=== THE DATA ===

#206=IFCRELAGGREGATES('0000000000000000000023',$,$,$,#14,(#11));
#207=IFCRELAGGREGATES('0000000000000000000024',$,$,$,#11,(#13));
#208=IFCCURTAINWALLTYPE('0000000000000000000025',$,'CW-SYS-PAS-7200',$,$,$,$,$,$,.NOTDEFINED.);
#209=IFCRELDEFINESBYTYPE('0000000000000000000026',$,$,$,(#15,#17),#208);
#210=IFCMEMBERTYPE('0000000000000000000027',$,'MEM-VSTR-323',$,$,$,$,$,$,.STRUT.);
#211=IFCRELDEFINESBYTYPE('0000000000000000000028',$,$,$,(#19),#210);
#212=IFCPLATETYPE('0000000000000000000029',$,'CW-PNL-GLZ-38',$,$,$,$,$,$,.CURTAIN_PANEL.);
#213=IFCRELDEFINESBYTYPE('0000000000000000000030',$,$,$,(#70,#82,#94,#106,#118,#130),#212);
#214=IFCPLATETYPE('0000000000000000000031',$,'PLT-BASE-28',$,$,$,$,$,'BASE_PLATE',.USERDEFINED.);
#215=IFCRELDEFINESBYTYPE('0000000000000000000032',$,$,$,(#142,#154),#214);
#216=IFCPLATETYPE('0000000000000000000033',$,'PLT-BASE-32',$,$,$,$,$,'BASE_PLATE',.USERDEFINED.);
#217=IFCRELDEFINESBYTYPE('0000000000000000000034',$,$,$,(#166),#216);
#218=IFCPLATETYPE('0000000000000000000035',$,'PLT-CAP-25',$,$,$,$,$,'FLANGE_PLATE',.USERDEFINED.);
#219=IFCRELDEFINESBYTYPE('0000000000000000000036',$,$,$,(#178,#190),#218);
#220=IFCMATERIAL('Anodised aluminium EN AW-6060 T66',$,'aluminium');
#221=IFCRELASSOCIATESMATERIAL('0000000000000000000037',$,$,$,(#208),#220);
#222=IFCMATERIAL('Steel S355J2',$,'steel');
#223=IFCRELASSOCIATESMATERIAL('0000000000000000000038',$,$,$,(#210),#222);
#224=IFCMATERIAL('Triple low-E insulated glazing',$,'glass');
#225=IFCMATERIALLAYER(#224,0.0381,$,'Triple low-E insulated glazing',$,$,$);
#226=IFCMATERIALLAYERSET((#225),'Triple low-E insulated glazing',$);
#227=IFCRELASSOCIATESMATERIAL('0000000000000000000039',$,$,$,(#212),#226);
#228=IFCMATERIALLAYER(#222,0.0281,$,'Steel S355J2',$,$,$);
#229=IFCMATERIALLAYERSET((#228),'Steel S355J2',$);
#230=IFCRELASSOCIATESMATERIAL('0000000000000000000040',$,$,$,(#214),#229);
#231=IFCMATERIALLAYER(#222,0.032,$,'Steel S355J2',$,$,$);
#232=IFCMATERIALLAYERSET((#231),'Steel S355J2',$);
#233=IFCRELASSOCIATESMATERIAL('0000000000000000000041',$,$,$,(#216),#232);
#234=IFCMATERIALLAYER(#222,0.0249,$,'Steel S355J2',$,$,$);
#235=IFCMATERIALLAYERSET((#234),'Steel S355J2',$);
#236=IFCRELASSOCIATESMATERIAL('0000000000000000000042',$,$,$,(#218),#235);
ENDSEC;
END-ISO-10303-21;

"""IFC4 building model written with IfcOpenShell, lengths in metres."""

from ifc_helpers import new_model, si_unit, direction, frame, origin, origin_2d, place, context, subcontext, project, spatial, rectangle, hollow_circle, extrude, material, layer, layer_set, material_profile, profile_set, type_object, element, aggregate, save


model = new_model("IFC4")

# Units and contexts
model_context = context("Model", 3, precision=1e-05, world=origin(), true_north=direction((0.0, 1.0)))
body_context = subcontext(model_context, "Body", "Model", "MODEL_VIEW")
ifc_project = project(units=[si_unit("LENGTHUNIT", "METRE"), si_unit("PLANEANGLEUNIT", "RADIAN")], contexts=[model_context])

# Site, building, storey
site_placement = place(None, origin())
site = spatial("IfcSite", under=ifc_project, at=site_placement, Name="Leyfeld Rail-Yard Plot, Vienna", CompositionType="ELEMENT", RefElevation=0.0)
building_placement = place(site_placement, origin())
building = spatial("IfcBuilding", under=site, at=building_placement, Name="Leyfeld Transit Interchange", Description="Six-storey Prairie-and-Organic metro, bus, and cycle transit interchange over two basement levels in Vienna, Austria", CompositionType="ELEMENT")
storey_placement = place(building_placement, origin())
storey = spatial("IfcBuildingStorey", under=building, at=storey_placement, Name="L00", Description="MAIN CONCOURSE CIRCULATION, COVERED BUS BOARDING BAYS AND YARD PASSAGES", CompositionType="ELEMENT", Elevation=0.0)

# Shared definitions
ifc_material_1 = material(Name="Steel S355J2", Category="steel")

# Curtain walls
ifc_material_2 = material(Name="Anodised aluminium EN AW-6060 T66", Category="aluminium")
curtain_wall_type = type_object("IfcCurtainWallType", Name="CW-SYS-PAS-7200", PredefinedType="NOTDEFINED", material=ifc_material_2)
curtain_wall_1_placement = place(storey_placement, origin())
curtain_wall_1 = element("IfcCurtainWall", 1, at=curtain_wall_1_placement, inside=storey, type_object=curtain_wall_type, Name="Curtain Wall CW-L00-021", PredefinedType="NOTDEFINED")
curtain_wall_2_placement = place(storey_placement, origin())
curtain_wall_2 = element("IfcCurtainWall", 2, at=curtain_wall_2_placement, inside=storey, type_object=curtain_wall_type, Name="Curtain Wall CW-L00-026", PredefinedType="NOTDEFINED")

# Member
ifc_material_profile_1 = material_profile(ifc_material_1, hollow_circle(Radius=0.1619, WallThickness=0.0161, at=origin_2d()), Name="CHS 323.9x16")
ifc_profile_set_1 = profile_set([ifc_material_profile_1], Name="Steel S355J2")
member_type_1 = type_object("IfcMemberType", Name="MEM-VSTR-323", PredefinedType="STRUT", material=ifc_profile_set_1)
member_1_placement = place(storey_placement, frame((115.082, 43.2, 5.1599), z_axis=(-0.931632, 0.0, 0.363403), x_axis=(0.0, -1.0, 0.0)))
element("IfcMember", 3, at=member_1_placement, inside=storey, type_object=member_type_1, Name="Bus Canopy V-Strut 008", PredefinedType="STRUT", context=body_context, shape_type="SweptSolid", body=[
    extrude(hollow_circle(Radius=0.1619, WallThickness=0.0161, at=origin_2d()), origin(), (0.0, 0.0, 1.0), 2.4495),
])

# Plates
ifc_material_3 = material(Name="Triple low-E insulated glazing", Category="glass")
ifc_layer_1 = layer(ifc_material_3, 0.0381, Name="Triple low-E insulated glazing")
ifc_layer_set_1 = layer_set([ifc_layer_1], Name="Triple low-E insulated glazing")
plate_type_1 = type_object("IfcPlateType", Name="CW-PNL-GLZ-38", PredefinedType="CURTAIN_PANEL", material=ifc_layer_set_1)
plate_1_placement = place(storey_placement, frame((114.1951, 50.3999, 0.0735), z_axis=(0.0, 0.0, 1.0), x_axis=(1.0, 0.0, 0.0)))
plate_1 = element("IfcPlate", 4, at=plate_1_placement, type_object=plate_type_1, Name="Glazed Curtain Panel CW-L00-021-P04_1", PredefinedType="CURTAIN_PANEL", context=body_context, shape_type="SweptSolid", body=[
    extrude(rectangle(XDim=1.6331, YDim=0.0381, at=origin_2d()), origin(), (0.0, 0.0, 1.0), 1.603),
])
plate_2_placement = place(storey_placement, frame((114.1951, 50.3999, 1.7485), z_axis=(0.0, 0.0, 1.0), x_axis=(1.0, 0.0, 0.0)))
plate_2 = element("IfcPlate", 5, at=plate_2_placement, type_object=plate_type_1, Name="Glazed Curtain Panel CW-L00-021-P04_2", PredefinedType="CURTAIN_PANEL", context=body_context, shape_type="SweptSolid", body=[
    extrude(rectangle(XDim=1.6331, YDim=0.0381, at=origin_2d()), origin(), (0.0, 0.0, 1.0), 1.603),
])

===

**TO DO**:
Lines that contain "Leyfeld" should be pulled from the entries above and reported.

**RESULT**:
site = spatial("IfcSite", under=ifc_project, at=site_placement, Name="Leyfeld Rail-Yard Plot, Vienna", CompositionType="ELEMENT", RefElevation=0.0)
building = spatial("IfcBuilding", under=site, at=building_placement, Name="Leyfeld Transit Interchange", Description="Six-storey Prairie-and-Organic metro, bus, and cycle transit interchange over two basement levels in Vienna, Austria", CompositionType="ELEMENT")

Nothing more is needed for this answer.